## Brief
Find every line containing "IFCGEOMETRICREPRESENTATIONSUBCONTEXT" in the records below and report the tally as a bare number.

[Opening Supplied data section]

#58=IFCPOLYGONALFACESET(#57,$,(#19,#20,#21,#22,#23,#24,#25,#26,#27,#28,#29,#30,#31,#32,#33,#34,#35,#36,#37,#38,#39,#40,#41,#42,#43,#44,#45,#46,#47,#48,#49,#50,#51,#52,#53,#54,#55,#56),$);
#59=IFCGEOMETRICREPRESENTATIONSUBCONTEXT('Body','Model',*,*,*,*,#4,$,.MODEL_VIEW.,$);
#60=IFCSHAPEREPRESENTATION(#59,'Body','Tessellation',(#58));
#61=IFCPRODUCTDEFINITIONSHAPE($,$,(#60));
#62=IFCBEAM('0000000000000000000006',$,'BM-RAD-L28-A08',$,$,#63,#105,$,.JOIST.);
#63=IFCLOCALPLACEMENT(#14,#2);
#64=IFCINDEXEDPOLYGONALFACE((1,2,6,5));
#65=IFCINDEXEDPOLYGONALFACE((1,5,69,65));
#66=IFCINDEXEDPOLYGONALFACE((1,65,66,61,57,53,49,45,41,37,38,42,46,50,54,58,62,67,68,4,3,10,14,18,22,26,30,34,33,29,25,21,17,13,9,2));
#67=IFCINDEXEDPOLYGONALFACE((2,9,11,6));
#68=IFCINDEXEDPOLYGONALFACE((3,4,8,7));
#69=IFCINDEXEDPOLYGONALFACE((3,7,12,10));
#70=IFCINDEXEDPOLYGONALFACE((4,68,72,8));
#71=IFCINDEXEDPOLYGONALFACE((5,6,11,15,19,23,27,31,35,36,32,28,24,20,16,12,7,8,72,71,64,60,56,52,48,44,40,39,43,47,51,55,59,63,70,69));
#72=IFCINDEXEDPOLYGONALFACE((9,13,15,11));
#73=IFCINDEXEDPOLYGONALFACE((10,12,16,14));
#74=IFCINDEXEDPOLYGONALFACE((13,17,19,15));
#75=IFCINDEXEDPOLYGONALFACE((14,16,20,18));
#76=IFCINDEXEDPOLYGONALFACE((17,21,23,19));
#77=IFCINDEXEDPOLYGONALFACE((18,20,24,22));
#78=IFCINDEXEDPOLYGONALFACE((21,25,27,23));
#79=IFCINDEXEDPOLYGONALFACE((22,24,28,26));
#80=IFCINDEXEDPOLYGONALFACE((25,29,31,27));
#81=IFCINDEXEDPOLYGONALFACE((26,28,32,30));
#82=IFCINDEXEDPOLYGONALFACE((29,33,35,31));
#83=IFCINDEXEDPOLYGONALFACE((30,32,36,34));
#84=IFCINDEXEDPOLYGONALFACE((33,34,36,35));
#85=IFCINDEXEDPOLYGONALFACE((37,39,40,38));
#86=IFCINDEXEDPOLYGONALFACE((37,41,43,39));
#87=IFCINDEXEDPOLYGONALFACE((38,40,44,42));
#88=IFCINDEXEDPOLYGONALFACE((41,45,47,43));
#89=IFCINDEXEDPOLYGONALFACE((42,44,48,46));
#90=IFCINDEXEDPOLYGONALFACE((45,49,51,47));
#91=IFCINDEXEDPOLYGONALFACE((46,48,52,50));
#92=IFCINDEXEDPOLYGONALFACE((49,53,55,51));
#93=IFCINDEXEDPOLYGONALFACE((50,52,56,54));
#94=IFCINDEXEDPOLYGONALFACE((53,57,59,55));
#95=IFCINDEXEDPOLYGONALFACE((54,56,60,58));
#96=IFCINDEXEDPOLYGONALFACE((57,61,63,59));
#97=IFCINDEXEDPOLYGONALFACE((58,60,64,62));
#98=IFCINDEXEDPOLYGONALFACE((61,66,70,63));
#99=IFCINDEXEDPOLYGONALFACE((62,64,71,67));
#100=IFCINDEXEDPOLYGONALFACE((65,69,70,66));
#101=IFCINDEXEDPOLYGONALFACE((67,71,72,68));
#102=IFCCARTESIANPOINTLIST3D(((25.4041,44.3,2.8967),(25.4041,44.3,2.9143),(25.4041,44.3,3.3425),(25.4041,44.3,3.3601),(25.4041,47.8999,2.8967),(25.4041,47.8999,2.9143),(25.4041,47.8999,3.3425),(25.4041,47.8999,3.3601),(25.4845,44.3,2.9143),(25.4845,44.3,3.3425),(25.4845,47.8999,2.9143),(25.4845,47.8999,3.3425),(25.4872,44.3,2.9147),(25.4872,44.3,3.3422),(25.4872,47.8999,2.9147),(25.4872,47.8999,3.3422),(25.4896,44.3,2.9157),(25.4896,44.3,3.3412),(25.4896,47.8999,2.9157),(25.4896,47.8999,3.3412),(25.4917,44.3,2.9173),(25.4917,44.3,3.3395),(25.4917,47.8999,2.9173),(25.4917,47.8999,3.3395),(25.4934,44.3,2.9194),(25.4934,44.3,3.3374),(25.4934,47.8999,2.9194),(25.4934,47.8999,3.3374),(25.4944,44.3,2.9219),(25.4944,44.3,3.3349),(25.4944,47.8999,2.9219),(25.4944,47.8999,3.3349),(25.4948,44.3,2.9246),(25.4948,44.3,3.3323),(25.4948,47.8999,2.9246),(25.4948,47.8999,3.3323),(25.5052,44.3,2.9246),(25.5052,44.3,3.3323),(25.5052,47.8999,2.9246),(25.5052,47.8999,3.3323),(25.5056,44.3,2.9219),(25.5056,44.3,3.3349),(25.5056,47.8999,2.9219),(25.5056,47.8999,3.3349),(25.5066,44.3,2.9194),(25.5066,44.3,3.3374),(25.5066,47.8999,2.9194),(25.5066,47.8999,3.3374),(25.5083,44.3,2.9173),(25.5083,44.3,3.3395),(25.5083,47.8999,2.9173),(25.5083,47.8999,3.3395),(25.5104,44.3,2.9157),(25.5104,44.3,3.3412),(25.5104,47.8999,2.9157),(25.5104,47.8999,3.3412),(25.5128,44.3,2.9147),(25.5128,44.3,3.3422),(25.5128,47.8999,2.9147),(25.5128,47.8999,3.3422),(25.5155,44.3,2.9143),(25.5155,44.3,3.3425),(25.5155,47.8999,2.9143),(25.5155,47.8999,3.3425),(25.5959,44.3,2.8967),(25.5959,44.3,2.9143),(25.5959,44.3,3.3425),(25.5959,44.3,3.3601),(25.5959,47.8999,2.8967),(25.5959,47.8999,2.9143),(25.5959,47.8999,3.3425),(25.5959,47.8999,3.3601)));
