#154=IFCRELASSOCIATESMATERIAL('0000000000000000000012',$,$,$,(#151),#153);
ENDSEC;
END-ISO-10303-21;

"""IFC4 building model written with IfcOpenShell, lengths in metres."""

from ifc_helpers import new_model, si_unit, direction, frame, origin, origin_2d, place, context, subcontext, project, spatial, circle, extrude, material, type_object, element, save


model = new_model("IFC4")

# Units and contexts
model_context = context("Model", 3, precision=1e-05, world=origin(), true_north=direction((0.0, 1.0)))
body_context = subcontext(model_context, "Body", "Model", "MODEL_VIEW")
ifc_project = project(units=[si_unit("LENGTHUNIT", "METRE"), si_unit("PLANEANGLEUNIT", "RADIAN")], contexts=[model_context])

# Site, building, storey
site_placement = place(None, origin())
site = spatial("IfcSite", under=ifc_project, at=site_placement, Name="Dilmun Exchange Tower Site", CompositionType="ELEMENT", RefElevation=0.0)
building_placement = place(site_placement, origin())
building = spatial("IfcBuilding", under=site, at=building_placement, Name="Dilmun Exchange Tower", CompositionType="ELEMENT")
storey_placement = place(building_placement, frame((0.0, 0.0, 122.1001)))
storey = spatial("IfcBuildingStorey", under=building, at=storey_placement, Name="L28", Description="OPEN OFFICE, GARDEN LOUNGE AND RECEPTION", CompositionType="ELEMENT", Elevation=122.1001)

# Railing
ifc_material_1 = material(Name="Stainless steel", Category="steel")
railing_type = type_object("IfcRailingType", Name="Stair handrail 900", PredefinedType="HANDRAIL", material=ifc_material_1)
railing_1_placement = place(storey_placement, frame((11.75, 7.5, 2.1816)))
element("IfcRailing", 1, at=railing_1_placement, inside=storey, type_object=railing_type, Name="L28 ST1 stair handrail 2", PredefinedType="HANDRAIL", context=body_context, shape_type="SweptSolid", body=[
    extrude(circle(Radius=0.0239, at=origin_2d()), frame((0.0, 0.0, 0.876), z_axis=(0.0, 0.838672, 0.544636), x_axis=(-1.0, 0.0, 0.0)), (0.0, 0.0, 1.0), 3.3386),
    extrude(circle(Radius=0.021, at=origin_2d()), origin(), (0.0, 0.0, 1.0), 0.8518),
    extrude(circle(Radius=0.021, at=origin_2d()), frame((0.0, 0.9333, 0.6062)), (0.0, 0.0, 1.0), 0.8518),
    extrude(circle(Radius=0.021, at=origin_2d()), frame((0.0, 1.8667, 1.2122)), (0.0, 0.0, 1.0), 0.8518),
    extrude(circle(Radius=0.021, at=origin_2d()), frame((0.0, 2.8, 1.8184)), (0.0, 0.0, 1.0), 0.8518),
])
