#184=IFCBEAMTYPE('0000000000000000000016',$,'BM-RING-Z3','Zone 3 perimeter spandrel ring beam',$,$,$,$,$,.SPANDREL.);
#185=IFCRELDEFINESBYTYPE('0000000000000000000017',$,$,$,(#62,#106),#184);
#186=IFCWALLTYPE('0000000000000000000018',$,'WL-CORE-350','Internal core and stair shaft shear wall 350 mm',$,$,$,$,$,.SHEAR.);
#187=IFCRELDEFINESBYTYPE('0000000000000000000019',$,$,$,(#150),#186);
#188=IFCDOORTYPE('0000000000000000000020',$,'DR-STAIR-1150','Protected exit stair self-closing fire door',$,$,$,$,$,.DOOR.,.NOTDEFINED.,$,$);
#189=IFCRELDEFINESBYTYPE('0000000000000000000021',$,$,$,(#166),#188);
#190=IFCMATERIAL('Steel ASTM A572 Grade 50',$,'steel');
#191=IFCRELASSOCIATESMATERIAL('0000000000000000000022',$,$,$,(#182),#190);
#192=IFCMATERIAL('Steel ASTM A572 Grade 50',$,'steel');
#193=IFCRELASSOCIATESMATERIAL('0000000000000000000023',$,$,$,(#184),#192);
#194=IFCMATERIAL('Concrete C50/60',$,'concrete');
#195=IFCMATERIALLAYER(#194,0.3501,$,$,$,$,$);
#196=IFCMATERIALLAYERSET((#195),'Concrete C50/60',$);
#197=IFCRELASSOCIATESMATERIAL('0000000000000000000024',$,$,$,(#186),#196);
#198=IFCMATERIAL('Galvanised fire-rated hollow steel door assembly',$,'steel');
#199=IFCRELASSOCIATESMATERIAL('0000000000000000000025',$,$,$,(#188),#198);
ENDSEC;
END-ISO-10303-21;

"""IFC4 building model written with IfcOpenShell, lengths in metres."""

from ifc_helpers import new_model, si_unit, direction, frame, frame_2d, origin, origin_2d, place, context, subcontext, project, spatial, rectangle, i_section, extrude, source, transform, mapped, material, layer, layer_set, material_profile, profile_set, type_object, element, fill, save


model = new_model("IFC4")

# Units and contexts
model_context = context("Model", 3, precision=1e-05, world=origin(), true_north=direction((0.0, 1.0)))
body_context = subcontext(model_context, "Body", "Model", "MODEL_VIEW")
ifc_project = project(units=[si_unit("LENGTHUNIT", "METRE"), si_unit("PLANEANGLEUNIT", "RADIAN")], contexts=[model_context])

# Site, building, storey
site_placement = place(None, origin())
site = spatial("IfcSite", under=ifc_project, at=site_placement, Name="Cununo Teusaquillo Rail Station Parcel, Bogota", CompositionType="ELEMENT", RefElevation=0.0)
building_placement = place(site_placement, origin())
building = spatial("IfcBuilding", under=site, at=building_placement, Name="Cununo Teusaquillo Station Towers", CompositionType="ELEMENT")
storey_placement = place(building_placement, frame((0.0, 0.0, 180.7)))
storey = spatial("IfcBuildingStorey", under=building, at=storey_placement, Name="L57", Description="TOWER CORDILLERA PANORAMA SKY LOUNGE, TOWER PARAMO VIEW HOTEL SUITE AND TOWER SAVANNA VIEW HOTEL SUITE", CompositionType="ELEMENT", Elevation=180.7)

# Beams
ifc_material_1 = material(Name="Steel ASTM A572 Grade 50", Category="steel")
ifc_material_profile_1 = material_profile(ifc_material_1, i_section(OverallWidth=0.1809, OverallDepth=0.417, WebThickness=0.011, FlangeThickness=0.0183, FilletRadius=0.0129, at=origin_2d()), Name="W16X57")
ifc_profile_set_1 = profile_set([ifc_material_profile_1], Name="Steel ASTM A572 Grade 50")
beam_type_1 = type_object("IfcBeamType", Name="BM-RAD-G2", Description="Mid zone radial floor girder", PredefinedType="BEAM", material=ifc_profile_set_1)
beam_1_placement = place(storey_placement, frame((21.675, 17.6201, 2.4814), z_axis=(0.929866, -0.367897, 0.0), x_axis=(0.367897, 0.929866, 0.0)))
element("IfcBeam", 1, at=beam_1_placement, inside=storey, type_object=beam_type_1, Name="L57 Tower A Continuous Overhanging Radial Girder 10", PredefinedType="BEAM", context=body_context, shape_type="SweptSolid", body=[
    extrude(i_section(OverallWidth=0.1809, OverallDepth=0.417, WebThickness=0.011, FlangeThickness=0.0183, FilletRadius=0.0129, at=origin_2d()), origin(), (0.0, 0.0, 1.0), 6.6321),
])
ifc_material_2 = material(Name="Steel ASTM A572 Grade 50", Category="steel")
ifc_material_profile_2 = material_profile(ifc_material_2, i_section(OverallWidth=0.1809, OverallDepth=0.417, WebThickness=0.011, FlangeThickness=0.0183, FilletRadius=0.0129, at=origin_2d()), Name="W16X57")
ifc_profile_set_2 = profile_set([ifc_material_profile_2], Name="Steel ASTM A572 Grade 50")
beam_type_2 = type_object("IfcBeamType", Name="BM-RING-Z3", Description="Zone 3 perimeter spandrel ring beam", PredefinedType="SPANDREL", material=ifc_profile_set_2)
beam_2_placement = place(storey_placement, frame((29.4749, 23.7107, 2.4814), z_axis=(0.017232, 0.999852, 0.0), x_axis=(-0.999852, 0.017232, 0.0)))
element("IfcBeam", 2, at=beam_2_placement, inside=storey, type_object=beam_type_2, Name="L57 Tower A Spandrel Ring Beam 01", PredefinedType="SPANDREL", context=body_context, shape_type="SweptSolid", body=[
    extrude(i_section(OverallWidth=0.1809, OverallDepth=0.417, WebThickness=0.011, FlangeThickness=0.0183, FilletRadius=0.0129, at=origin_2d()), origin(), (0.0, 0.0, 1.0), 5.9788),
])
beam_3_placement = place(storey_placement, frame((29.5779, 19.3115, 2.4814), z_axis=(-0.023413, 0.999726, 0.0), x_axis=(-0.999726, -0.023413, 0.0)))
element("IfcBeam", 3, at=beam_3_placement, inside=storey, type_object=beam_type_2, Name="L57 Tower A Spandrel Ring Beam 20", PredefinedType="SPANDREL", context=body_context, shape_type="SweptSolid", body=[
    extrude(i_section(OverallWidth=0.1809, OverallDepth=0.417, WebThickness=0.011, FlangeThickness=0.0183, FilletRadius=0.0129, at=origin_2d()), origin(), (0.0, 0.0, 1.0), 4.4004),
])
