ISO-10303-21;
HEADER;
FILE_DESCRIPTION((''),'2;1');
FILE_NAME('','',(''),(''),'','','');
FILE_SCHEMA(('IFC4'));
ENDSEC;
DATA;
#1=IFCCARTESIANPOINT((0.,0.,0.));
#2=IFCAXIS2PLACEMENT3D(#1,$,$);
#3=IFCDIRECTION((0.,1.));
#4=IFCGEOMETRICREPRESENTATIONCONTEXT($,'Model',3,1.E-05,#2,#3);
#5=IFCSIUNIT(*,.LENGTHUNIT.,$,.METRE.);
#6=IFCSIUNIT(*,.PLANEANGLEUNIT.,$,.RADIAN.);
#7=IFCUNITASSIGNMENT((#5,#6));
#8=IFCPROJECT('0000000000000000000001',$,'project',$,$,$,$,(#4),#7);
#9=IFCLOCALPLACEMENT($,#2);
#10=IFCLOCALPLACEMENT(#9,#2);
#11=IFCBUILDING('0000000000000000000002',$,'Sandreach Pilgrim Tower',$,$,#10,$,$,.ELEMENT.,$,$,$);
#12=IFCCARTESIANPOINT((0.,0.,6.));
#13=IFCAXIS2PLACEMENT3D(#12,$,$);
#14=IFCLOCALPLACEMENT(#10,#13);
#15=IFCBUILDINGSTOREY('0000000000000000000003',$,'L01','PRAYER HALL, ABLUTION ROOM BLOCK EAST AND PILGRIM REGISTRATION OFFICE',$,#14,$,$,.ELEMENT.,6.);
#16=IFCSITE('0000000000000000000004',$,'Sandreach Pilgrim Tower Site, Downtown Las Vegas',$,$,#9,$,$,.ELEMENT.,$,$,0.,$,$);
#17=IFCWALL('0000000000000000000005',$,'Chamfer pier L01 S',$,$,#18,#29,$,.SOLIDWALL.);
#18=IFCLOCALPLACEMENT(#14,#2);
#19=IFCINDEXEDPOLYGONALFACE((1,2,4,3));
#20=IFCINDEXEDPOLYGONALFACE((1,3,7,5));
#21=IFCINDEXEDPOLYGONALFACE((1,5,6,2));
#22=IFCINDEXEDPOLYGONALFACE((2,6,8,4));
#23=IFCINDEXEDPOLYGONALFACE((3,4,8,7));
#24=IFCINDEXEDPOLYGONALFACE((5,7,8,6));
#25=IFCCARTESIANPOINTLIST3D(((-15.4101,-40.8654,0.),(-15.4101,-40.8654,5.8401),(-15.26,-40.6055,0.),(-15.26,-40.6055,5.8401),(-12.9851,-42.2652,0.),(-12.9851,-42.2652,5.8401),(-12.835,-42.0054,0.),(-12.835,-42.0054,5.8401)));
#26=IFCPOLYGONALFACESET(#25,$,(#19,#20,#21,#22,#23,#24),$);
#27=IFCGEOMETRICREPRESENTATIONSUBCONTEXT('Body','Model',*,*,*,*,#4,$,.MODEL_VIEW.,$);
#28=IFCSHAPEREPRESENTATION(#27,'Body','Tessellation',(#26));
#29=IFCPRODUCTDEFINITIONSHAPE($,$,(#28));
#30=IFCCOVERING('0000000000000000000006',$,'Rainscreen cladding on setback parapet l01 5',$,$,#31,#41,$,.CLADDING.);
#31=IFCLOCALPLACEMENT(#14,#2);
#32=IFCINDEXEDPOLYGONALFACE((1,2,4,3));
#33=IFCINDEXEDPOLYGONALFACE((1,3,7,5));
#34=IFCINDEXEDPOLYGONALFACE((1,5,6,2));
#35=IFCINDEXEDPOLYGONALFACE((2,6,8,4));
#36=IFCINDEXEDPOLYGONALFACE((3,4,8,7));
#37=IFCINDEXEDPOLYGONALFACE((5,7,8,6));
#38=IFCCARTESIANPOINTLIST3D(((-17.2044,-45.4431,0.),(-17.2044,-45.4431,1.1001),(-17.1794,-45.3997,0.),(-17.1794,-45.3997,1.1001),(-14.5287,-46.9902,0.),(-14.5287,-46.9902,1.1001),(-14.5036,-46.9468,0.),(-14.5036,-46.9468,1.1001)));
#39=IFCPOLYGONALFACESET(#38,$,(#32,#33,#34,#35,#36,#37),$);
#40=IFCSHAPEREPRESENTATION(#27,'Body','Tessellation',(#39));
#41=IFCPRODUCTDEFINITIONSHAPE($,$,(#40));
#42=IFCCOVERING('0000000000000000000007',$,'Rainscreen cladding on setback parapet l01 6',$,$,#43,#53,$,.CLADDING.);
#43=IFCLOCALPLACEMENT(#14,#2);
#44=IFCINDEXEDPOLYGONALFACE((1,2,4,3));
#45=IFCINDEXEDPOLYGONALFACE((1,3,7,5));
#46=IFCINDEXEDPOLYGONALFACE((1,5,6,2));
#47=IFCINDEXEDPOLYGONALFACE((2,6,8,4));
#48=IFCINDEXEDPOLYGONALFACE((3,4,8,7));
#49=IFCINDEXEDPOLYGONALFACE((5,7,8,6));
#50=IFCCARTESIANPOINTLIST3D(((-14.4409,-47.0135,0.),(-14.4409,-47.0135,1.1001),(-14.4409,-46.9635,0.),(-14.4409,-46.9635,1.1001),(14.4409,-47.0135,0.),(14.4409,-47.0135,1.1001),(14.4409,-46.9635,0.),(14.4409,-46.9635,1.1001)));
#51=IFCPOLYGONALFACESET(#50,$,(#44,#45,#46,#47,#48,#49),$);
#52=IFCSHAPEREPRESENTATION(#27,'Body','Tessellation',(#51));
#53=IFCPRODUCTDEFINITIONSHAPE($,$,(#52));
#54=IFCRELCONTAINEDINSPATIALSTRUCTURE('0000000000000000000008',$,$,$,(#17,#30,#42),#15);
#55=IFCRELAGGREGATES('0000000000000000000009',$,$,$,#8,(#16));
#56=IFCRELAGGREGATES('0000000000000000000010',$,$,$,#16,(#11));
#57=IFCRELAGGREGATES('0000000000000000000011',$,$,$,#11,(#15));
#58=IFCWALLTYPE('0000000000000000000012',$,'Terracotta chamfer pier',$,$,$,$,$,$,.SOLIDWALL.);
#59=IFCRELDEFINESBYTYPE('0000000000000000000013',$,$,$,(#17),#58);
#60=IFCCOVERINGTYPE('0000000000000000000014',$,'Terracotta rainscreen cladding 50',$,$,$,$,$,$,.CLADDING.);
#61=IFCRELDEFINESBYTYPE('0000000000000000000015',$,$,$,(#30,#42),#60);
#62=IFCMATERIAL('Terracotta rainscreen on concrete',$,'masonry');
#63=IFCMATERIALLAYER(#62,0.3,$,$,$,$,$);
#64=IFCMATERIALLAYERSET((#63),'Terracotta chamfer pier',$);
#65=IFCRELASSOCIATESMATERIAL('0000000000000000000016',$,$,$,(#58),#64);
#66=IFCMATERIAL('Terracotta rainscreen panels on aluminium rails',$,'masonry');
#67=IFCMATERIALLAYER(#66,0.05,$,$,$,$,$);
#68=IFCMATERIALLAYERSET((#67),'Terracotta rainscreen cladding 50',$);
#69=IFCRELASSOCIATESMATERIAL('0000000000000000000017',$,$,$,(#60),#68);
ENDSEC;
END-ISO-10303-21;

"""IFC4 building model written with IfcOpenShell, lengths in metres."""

from ifc_helpers import new_model, si_unit, direction, frame, frame_2d, origin, place, context, subcontext, project, spatial, rectangle, extrude, material, layer, layer_set, type_object, element, save


model = new_model("IFC4")

# Units and contexts
model_context = context("Model", 3, precision=1e-05, world=origin(), true_north=direction((0.0, 1.0)))
body_context = subcontext(model_context, "Body", "Model", "MODEL_VIEW")
ifc_project = project(units=[si_unit("LENGTHUNIT", "METRE"), si_unit("PLANEANGLEUNIT", "RADIAN")], contexts=[model_context])

# Site, building, storey
site_placement = place(None, origin())
site = spatial("IfcSite", under=ifc_project, at=site_placement, Name="Sandreach Pilgrim Tower Site, Downtown Las Vegas", CompositionType="ELEMENT", RefElevation=0.0)
building_placement = place(site_placement, origin())
building = spatial("IfcBuilding", under=site, at=building_placement, Name="Sandreach Pilgrim Tower", CompositionType="ELEMENT")
storey_placement = place(building_placement, frame((0.0, 0.0, 6.0)))
storey = spatial("IfcBuildingStorey", under=building, at=storey_placement, Name="L01", Description="PRAYER HALL, ABLUTION ROOM BLOCK EAST AND PILGRIM REGISTRATION OFFICE", CompositionType="ELEMENT", Elevation=6.0)

# Wall
ifc_material_1 = material(Name="Terracotta rainscreen on concrete", Category="masonry")
ifc_layer_1 = layer(ifc_material_1, 0.3)
ifc_layer_set_1 = layer_set([ifc_layer_1], Name="Terracotta chamfer pier")
wall_type_1 = type_object("IfcWallType", Name="Terracotta chamfer pier", PredefinedType="SOLIDWALL", material=ifc_layer_set_1)
wall_1_placement = place(storey_placement, frame((-12.9102, -42.1353, 0.0), z_axis=(0.0, 0.0, 1.0), x_axis=(-0.866056, 0.499946, 0.0)))
element("IfcWall", 1, at=wall_1_placement, inside=storey, type_object=wall_type_1, Name="Chamfer pier L01 S", PredefinedType="SOLIDWALL", context=body_context, shape_type="SweptSolid", body=[
    extrude(rectangle(XDim=2.8, YDim=0.3, at=frame_2d((1.3999, 0.0))), origin(), (0.0, 0.0, 1.0), 5.8401),
])

# Coverings
ifc_material_2 = material(Name="Terracotta rainscreen panels on aluminium rails", Category="masonry")
ifc_layer_2 = layer(ifc_material_2, 0.05)
ifc_layer_set_2 = layer_set([ifc_layer_2], Name="Terracotta rainscreen cladding 50")
covering_type = type_object("IfcCoveringType", Name="Terracotta rainscreen cladding 50", PredefinedType="CLADDING", material=ifc_layer_set_2)
covering_1_placement = place(storey_placement, frame((-17.1919, -45.4214, 0.0), z_axis=(0.0, 0.0, 1.0), x_axis=(0.865709, -0.500547, 0.0)))
element("IfcCovering", 2, at=covering_1_placement, inside=storey, type_object=covering_type, Name="Rainscreen cladding on setback parapet l01 5", PredefinedType="CLADDING", context=body_context, shape_type="SweptSolid", body=[
    extrude(rectangle(XDim=3.0908, YDim=0.05, at=frame_2d((1.5454, 0.0))), origin(), (0.0, 0.0, 1.0), 1.1001),
])
covering_2_placement = place(storey_placement, frame((-14.4409, -46.9885, 0.0), z_axis=(0.0, 0.0, 1.0), x_axis=(1.0, 0.0, 0.0)))
element("IfcCovering", 3, at=covering_2_placement, inside=storey, type_object=covering_type, Name="Rainscreen cladding on setback parapet l01 6", PredefinedType="CLADDING", context=body_context, shape_type="SweptSolid", body=[
    extrude(rectangle(XDim=28.8818, YDim=0.05, at=frame_2d((14.4409, 0.0))), origin(), (0.0, 0.0, 1.0), 1.1001),
])

save(model, "model.ifc")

[Closing Supplied data section]

## Exercise output
2